RECORDS SHOWN Block Start

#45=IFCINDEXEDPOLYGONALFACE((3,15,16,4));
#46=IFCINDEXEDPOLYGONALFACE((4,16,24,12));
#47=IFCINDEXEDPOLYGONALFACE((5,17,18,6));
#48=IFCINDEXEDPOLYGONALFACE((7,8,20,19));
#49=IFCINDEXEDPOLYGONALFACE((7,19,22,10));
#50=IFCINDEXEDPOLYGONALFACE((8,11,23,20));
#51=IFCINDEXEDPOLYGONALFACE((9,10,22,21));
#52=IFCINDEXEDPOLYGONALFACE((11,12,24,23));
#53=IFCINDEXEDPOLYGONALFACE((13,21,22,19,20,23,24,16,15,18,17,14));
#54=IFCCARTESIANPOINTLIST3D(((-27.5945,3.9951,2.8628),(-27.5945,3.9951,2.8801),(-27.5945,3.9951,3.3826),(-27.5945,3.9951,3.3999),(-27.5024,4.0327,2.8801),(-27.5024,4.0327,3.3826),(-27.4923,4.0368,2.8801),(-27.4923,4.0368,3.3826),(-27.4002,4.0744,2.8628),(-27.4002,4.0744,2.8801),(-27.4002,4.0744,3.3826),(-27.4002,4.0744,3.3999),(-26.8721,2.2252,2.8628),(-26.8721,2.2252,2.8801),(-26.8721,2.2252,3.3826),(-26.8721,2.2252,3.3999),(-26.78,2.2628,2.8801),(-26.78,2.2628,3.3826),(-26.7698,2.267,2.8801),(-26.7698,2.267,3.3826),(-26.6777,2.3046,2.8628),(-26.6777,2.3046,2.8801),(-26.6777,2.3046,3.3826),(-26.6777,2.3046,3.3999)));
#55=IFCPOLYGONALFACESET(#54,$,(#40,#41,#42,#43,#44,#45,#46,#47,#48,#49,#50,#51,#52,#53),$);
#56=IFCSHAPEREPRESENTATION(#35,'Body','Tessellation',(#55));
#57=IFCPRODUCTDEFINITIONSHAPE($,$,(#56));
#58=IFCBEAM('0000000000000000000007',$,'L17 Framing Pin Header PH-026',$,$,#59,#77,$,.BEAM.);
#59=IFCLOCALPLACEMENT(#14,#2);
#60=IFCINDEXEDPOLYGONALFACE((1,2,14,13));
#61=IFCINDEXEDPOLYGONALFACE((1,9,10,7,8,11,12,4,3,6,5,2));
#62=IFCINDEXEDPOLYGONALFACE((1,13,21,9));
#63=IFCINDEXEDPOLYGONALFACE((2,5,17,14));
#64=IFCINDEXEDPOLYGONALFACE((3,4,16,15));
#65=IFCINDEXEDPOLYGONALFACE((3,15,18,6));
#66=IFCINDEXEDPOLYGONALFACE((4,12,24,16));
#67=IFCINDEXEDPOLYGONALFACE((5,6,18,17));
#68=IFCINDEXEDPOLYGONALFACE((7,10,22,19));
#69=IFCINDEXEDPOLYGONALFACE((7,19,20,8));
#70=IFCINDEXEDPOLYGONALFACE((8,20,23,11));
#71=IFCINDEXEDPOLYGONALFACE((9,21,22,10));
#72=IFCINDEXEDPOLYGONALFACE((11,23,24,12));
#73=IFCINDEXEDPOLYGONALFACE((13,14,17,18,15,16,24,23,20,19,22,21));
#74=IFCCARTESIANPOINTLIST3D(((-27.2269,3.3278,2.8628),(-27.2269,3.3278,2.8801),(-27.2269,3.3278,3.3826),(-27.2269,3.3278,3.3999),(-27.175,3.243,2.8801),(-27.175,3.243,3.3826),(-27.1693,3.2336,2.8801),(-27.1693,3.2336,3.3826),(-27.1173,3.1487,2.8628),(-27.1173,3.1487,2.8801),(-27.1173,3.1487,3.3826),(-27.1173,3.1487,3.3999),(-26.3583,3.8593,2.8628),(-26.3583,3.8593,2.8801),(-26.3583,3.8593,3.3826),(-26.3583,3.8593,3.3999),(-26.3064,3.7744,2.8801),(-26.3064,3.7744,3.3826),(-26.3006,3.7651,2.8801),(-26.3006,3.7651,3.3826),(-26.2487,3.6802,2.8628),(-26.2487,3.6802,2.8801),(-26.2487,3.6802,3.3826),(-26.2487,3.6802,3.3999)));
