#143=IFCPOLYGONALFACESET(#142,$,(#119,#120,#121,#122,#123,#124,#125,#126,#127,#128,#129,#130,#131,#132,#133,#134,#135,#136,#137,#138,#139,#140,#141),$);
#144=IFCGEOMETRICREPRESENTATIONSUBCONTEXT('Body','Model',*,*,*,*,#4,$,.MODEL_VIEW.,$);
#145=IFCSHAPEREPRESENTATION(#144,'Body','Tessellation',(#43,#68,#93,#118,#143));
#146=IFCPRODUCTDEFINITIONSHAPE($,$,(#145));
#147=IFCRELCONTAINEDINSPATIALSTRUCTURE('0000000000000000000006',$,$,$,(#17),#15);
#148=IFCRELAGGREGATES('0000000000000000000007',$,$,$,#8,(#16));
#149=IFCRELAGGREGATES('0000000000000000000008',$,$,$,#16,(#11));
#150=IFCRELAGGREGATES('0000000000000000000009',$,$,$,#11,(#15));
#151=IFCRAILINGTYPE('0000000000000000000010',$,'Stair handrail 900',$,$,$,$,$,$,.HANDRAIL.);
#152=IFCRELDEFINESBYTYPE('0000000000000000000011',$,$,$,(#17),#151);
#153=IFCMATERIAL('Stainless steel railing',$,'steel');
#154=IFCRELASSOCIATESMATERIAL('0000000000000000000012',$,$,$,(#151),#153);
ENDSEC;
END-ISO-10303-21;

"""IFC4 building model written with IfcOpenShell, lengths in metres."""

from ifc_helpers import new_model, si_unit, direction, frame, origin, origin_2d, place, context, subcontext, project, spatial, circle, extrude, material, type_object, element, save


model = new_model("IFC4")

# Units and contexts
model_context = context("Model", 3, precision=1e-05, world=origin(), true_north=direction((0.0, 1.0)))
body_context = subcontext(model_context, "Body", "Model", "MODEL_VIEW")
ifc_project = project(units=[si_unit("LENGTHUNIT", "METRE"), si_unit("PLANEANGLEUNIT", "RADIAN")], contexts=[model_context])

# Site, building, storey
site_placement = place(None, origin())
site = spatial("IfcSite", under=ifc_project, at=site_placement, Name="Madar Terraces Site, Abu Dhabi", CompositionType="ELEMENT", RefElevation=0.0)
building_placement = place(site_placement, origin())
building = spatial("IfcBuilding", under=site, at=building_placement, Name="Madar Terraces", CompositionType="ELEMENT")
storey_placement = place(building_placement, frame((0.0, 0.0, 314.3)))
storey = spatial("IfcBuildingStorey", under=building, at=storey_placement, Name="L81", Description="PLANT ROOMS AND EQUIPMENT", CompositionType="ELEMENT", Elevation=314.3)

RECORDS SHOWN Block End

_EXERCISE AIM_
Reproduce the lines above. Leave each one as it is.

_EXPECTED ANSWER_
#45=IFCINDEXEDPOLYGONALFACE((3,15,16,4));
#46=IFCINDEXEDPOLYGONALFACE((4,16,24,12));
#47=IFCINDEXEDPOLYGONALFACE((5,17,18,6));
#48=IFCINDEXEDPOLYGONALFACE((7,8,20,19));
#49=IFCINDEXEDPOLYGONALFACE((7,19,22,10));
#50=IFCINDEXEDPOLYGONALFACE((8,11,23,20));
#51=IFCINDEXEDPOLYGONALFACE((9,10,22,21));
#52=IFCINDEXEDPOLYGONALFACE((11,12,24,23));
#53=IFCINDEXEDPOLYGONALFACE((13,21,22,19,20,23,24,16,15,18,17,14));
#54=IFCCARTESIANPOINTLIST3D(((-27.5945,3.9951,2.8628),(-27.5945,3.9951,2.8801),(-27.5945,3.9951,3.3826),(-27.5945,3.9951,3.3999),(-27.5024,4.0327,2.8801),(-27.5024,4.0327,3.3826),(-27.4923,4.0368,2.8801),(-27.4923,4.0368,3.3826),(-27.4002,4.0744,2.8628),(-27.4002,4.0744,2.8801),(-27.4002,4.0744,3.3826),(-27.4002,4.0744,3.3999),(-26.8721,2.2252,2.8628),(-26.8721,2.2252,2.8801),(-26.8721,2.2252,3.3826),(-26.8721,2.2252,3.3999),(-26.78,2.2628,2.8801),(-26.78,2.2628,3.3826),(-26.7698,2.267,2.8801),(-26.7698,2.267,3.3826),(-26.6777,2.3046,2.8628),(-26.6777,2.3046,2.8801),(-26.6777,2.3046,3.3826),(-26.6777,2.3046,3.3999)));
#55=IFCPOLYGONALFACESET(#54,$,(#40,#41,#42,#43,#44,#45,#46,#47,#48,#49,#50,#51,#52,#53),$);
#56=IFCSHAPEREPRESENTATION(#35,'Body','Tessellation',(#55));
#57=IFCPRODUCTDEFINITIONSHAPE($,$,(#56));
#58=IFCBEAM('0000000000000000000007',$,'L17 Framing Pin Header PH-026',$,$,#59,#77,$,.BEAM.);
#59=IFCLOCALPLACEMENT(#14,#2);
#60=IFCINDEXEDPOLYGONALFACE((1,2,14,13));
#61=IFCINDEXEDPOLYGONALFACE((1,9,10,7,8,11,12,4,3,6,5,2));
#62=IFCINDEXEDPOLYGONALFACE((1,13,21,9));
#63=IFCINDEXEDPOLYGONALFACE((2,5,17,14));
#64=IFCINDEXEDPOLYGONALFACE((3,4,16,15));
#65=IFCINDEXEDPOLYGONALFACE((3,15,18,6));
#66=IFCINDEXEDPOLYGONALFACE((4,12,24,16));
#67=IFCINDEXEDPOLYGONALFACE((5,6,18,17));
#68=IFCINDEXEDPOLYGONALFACE((7,10,22,19));
#69=IFCINDEXEDPOLYGONALFACE((7,19,20,8));
#70=IFCINDEXEDPOLYGONALFACE((8,20,23,11));
#71=IFCINDEXEDPOLYGONALFACE((9,21,22,10));
#72=IFCINDEXEDPOLYGONALFACE((11,23,24,12));
#73=IFCINDEXEDPOLYGONALFACE((13,14,17,18,15,16,24,23,20,19,22,21));
#74=IFCCARTESIANPOINTLIST3D(((-27.2269,3.3278,2.8628),(-27.2269,3.3278,2.8801),(-27.2269,3.3278,3.3826),(-27.2269,3.3278,3.3999),(-27.175,3.243,2.8801),(-27.175,3.243,3.3826),(-27.1693,3.2336,2.8801),(-27.1693,3.2336,3.3826),(-27.1173,3.1487,2.8628),(-27.1173,3.1487,2.8801),(-27.1173,3.1487,3.3826),(-27.1173,3.1487,3.3999),(-26.3583,3.8593,2.8628),(-26.3583,3.8593,2.8801),(-26.3583,3.8593,3.3826),(-26.3583,3.8593,3.3999),(-26.3064,3.7744,2.8801),(-26.3064,3.7744,3.3826),(-26.3006,3.7651,2.8801),(-26.3006,3.7651,3.3826),(-26.2487,3.6802,2.8628),(-26.2487,3.6802,2.8801),(-26.2487,3.6802,3.3826),(-26.2487,3.6802,3.3999)));
#143=IFCPOLYGONALFACESET(#142,$,(#119,#120,#121,#122,#123,#124,#125,#126,#127,#128,#129,#130,#131,#132,#133,#134,#135,#136,#137,#138,#139,#140,#141),$);
#144=IFCGEOMETRICREPRESENTATIONSUBCONTEXT('Body','Model',*,*,*,*,#4,$,.MODEL_VIEW.,$);
#145=IFCSHAPEREPRESENTATION(#144,'Body','Tessellation',(#43,#68,#93,#118,#143));
#146=IFCPRODUCTDEFINITIONSHAPE($,$,(#145));
#147=IFCRELCONTAINEDINSPATIALSTRUCTURE('0000000000000000000006',$,$,$,(#17),#15);
#148=IFCRELAGGREGATES('0000000000000000000007',$,$,$,#8,(#16));
#149=IFCRELAGGREGATES('0000000000000000000008',$,$,$,#16,(#11));
#150=IFCRELAGGREGATES('0000000000000000000009',$,$,$,#11,(#15));
#151=IFCRAILINGTYPE('0000000000000000000010',$,'Stair handrail 900',$,$,$,$,$,$,.HANDRAIL.);
#152=IFCRELDEFINESBYTYPE('0000000000000000000011',$,$,$,(#17),#151);
#153=IFCMATERIAL('Stainless steel railing',$,'steel');
#154=IFCRELASSOCIATESMATERIAL('0000000000000000000012',$,$,$,(#151),#153);
ENDSEC;
END-ISO-10303-21;

"""IFC4 building model written with IfcOpenShell, lengths in metres."""

from ifc_helpers import new_model, si_unit, direction, frame, origin, origin_2d, place, context, subcontext, project, spatial, circle, extrude, material, type_object, element, save


model = new_model("IFC4")

# Units and contexts
model_context = context("Model", 3, precision=1e-05, world=origin(), true_north=direction((0.0, 1.0)))
body_context = subcontext(model_context, "Body", "Model", "MODEL_VIEW")
ifc_project = project(units=[si_unit("LENGTHUNIT", "METRE"), si_unit("PLANEANGLEUNIT", "RADIAN")], contexts=[model_context])

# Site, building, storey
site_placement = place(None, origin())
site = spatial("IfcSite", under=ifc_project, at=site_placement, Name="Madar Terraces Site, Abu Dhabi", CompositionType="ELEMENT", RefElevation=0.0)
building_placement = place(site_placement, origin())
building = spatial("IfcBuilding", under=site, at=building_placement, Name="Madar Terraces", CompositionType="ELEMENT")
storey_placement = place(building_placement, frame((0.0, 0.0, 314.3)))
storey = spatial("IfcBuildingStorey", under=building, at=storey_placement, Name="L81", Description="PLANT ROOMS AND EQUIPMENT", CompositionType="ELEMENT", Elevation=314.3)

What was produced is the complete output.